# INFORMATION SUPPLIED

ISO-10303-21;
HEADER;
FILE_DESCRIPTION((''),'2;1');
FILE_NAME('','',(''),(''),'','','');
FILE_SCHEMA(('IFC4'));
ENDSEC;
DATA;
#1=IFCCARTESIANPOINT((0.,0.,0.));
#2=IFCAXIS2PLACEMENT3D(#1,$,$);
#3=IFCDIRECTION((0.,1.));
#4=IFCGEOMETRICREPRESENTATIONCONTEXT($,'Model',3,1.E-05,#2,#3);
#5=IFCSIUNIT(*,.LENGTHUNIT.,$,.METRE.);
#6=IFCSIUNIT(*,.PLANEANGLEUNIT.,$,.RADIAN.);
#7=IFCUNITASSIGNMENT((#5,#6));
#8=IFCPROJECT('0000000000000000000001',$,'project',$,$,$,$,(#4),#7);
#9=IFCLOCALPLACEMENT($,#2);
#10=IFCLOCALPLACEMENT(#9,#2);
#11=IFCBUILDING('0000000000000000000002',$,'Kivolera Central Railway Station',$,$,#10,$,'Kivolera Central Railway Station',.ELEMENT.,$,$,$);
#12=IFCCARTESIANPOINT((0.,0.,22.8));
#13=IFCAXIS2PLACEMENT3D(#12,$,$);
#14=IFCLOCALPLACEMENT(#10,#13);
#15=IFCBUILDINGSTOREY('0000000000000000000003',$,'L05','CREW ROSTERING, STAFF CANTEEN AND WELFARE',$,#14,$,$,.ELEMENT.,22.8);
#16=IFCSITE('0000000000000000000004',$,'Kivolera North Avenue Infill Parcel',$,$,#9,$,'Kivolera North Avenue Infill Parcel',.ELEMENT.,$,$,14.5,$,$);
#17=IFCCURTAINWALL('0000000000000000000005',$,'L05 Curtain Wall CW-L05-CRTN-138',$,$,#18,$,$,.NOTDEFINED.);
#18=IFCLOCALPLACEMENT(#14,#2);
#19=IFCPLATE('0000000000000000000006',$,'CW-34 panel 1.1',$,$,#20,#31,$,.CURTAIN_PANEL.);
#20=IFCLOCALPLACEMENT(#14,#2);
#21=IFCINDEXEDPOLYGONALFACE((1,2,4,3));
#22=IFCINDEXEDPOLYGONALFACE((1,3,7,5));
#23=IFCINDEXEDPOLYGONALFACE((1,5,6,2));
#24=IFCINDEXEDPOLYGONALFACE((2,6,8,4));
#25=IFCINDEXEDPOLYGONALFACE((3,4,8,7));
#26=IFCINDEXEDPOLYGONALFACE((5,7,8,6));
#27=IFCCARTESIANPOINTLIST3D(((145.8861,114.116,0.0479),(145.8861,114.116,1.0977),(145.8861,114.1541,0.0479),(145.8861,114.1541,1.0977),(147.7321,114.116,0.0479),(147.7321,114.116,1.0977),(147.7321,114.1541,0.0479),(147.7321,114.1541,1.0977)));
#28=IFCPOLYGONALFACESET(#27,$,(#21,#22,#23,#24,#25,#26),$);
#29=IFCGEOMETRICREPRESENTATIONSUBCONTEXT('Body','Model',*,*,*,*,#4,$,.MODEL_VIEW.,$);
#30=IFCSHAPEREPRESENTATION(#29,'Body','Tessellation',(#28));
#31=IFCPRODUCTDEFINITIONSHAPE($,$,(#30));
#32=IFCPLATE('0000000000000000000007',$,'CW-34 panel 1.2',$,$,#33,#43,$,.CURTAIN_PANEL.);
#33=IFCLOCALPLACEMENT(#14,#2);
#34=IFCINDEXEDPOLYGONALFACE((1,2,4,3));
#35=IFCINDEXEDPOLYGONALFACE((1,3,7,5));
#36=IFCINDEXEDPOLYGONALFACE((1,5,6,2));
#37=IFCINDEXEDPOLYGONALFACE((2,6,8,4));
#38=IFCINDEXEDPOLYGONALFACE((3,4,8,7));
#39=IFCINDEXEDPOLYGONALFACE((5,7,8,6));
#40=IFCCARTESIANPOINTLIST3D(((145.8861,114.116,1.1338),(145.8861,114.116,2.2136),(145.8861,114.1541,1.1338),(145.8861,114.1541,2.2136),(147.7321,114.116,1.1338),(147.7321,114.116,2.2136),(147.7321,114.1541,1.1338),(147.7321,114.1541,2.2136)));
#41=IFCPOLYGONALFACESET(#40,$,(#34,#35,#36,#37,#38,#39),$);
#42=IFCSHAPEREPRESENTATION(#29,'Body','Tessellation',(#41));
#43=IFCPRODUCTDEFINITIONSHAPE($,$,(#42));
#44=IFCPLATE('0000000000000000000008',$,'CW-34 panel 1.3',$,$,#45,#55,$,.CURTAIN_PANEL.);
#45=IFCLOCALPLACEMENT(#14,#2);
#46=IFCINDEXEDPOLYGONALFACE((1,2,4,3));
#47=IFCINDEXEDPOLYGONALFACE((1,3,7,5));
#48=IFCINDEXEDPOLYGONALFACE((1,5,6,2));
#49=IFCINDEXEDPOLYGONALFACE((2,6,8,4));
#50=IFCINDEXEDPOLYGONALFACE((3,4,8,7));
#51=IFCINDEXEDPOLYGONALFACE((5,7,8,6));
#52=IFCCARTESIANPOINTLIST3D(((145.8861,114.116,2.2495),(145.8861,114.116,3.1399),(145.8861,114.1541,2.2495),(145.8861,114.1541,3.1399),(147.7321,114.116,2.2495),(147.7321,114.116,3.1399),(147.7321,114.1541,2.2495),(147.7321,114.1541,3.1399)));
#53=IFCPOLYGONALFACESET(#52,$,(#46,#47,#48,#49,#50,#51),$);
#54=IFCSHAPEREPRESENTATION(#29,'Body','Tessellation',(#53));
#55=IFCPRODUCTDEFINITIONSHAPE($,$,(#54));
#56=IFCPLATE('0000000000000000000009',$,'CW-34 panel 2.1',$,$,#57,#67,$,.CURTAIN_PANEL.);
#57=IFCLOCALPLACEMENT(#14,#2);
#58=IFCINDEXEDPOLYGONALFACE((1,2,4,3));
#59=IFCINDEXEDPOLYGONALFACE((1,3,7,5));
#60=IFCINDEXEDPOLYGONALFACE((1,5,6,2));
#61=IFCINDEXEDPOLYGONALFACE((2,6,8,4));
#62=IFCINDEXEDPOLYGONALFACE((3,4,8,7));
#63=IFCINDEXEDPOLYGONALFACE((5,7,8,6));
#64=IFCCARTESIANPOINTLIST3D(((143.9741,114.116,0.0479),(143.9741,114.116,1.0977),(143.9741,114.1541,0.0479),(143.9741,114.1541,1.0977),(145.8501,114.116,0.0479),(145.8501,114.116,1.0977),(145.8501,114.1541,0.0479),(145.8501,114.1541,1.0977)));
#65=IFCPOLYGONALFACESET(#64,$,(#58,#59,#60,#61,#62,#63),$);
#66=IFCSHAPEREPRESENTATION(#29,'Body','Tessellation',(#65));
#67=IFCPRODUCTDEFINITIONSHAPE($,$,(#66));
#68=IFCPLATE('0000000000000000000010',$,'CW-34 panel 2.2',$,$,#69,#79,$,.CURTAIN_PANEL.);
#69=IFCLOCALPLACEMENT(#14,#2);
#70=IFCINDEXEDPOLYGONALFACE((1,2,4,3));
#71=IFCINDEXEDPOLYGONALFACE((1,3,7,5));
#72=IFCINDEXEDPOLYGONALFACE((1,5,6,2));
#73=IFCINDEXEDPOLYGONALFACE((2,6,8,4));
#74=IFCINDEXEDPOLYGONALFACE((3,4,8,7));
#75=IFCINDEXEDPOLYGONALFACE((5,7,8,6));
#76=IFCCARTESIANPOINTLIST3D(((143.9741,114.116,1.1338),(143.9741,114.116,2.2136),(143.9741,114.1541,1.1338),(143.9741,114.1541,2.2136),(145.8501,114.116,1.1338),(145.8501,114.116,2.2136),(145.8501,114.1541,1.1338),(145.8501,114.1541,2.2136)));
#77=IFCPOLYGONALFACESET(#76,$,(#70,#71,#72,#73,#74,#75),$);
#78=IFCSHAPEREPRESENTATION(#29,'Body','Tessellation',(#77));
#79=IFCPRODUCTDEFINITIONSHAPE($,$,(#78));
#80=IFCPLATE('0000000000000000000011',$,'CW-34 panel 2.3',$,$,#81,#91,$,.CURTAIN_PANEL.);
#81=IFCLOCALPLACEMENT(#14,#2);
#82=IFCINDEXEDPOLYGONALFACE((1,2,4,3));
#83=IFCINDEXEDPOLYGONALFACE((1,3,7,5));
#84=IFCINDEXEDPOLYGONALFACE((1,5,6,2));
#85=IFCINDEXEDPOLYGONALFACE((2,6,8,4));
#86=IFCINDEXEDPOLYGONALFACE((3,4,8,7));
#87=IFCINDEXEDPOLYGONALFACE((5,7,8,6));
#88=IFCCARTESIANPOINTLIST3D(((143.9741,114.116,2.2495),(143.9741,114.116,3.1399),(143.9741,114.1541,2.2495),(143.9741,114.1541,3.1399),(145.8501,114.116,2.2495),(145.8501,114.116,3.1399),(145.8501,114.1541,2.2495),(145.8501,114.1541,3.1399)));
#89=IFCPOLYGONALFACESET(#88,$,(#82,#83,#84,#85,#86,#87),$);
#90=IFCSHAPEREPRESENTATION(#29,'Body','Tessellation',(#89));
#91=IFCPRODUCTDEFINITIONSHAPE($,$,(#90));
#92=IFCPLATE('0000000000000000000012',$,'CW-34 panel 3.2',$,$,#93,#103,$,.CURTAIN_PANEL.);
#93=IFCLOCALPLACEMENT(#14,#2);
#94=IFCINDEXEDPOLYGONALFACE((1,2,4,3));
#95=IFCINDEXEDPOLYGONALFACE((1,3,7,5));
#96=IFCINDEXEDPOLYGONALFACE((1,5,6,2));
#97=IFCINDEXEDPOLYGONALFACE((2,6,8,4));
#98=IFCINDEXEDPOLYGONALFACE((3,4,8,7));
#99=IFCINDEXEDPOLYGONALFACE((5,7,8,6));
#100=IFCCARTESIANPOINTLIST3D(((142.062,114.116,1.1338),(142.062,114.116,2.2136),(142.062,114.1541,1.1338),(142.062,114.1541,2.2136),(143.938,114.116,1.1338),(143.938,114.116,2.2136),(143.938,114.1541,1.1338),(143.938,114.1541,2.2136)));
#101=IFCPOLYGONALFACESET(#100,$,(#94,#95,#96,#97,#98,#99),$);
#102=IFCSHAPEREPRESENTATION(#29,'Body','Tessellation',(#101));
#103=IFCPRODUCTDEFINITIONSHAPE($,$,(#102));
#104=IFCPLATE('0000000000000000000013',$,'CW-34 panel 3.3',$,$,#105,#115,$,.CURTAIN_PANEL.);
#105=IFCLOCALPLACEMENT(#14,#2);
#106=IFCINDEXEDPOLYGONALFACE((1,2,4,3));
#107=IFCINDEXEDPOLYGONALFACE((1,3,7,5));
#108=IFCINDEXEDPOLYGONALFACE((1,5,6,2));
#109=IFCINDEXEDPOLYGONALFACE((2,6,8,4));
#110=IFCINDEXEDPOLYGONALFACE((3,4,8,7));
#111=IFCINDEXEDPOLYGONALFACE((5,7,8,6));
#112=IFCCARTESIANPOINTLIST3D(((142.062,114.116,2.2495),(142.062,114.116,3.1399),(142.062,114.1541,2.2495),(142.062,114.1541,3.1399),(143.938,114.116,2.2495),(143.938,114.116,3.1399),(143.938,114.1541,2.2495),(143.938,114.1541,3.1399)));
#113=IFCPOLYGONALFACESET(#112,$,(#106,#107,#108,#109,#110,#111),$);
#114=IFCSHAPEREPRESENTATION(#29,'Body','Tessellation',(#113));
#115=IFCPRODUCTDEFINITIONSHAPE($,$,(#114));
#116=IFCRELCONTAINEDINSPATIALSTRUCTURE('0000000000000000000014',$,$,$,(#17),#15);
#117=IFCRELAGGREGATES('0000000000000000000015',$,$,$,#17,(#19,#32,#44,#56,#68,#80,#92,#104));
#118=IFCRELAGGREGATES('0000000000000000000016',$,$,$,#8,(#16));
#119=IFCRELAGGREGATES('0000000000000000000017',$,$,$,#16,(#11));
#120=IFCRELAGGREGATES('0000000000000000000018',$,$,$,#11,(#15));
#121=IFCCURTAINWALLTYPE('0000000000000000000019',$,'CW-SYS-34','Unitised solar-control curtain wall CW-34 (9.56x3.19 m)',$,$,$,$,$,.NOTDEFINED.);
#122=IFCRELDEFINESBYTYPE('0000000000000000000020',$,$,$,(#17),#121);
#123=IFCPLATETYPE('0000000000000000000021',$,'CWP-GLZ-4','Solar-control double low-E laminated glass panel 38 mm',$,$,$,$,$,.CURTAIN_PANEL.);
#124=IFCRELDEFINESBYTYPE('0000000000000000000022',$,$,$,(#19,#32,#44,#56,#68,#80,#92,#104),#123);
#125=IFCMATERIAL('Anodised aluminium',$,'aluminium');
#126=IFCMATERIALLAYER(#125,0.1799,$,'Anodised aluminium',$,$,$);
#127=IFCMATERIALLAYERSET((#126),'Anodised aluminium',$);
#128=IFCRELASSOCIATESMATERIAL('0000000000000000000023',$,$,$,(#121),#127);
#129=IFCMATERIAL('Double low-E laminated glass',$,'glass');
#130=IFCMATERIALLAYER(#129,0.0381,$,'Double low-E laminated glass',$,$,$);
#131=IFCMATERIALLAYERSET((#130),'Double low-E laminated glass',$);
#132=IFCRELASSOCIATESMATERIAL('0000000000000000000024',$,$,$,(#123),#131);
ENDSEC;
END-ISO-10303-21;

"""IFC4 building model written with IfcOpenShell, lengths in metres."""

from ifc_helpers import new_model, si_unit, direction, frame, origin, origin_2d, place, context, subcontext, project, spatial, rectangle, extrude, material, layer, layer_set, type_object, element, aggregate, save


model = new_model("IFC4")

# Units and contexts
model_context = context("Model", 3, precision=1e-05, world=origin(), true_north=direction((0.0, 1.0)))
body_context = subcontext(model_context, "Body", "Model", "MODEL_VIEW")
ifc_project = project(units=[si_unit("LENGTHUNIT", "METRE"), si_unit("PLANEANGLEUNIT", "RADIAN")], contexts=[model_context])

# Site, building, storey
site_placement = place(None, origin())
site = spatial("IfcSite", under=ifc_project, at=site_placement, Name="Kivolera North Avenue Infill Parcel", LongName="Kivolera North Avenue Infill Parcel", CompositionType="ELEMENT", RefElevation=14.5)
building_placement = place(site_placement, origin())
building = spatial("IfcBuilding", under=site, at=building_placement, Name="Kivolera Central Railway Station", LongName="Kivolera Central Railway Station", CompositionType="ELEMENT")
storey_placement = place(building_placement, frame((0.0, 0.0, 22.8)))
storey = spatial("IfcBuildingStorey", under=building, at=storey_placement, Name="L05", Description="CREW ROSTERING, STAFF CANTEEN AND WELFARE", CompositionType="ELEMENT", Elevation=22.8)

# Curtain wall, plates
ifc_material_1 = material(Name="Anodised aluminium", Category="aluminium")
ifc_layer_1 = layer(ifc_material_1, 0.1799, Name="Anodised aluminium")
ifc_layer_set_1 = layer_set([ifc_layer_1], Name="Anodised aluminium")
curtain_wall_type = type_object("IfcCurtainWallType", Name="CW-SYS-34", Description="Unitised solar-control curtain wall CW-34 (9.56x3.19 m)", PredefinedType="NOTDEFINED", material=ifc_layer_set_1)
curtain_wall_placement = place(storey_placement, origin())
curtain_wall = element("IfcCurtainWall", 1, at=curtain_wall_placement, inside=storey, type_object=curtain_wall_type, Name="L05 Curtain Wall CW-L05-CRTN-138", PredefinedType="NOTDEFINED")
ifc_material_2 = material(Name="Double low-E laminated glass", Category="glass")
ifc_layer_2 = layer(ifc_material_2, 0.0381, Name="Double low-E laminated glass")
ifc_layer_set_2 = layer_set([ifc_layer_2], Name="Double low-E laminated glass")
plate_type = type_object("IfcPlateType", Name="CWP-GLZ-4", Description="Solar-control double low-E laminated glass panel 38 mm", PredefinedType="CURTAIN_PANEL", material=ifc_layer_set_2)
plate_1_placement = place(storey_placement, frame((146.8091, 114.135, 0.0479), z_axis=(0.0, 0.0, 1.0), x_axis=(-1.0, 0.0, 0.0)))
plate_1 = element("IfcPlate", 2, at=plate_1_placement, type_object=plate_type, Name="CW-34 panel 1.1", PredefinedType="CURTAIN_PANEL", context=body_context, shape_type="SweptSolid", body=[
    extrude(rectangle(XDim=1.8459, YDim=0.0381, at=origin_2d()), origin(), (0.0, 0.0, 1.0), 1.0498),
])
plate_2_placement = place(storey_placement, frame((146.8091, 114.135, 1.1338), z_axis=(0.0, 0.0, 1.0), x_axis=(-1.0, 0.0, 0.0)))
plate_2 = element("IfcPlate", 3, at=plate_2_placement, type_object=plate_type, Name="CW-34 panel 1.2", PredefinedType="CURTAIN_PANEL", context=body_context, shape_type="SweptSolid", body=[
    extrude(rectangle(XDim=1.8459, YDim=0.0381, at=origin_2d()), origin(), (0.0, 0.0, 1.0), 1.0798),
])
plate_3_placement = place(storey_placement, frame((146.8091, 114.135, 2.2495), z_axis=(0.0, 0.0, 1.0), x_axis=(-1.0, 0.0, 0.0)))
plate_3 = element("IfcPlate", 4, at=plate_3_placement, type_object=plate_type, Name="CW-34 panel 1.3", PredefinedType="CURTAIN_PANEL", context=body_context, shape_type="SweptSolid", body=[
    extrude(rectangle(XDim=1.8459, YDim=0.0381, at=origin_2d()), origin(), (0.0, 0.0, 1.0), 0.8904),
])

# DESCRIPTION OF THE TASK
Copy out each line of the listing where the string "Tessellation" appears.

# RESPONSE TO THE EXERCISE
#30=IFCSHAPEREPRESENTATION(#29,'Body','Tessellation',(#28));
#42=IFCSHAPEREPRESENTATION(#29,'Body','Tessellation',(#41));
#54=IFCSHAPEREPRESENTATION(#29,'Body','Tessellation',(#53));
#66=IFCSHAPEREPRESENTATION(#29,'Body','Tessellation',(#65));
#78=IFCSHAPEREPRESENTATION(#29,'Body','Tessellation',(#77));
#90=IFCSHAPEREPRESENTATION(#29,'Body','Tessellation',(#89));
#102=IFCSHAPEREPRESENTATION(#29,'Body','Tessellation',(#101));
#114=IFCSHAPEREPRESENTATION(#29,'Body','Tessellation',(#113));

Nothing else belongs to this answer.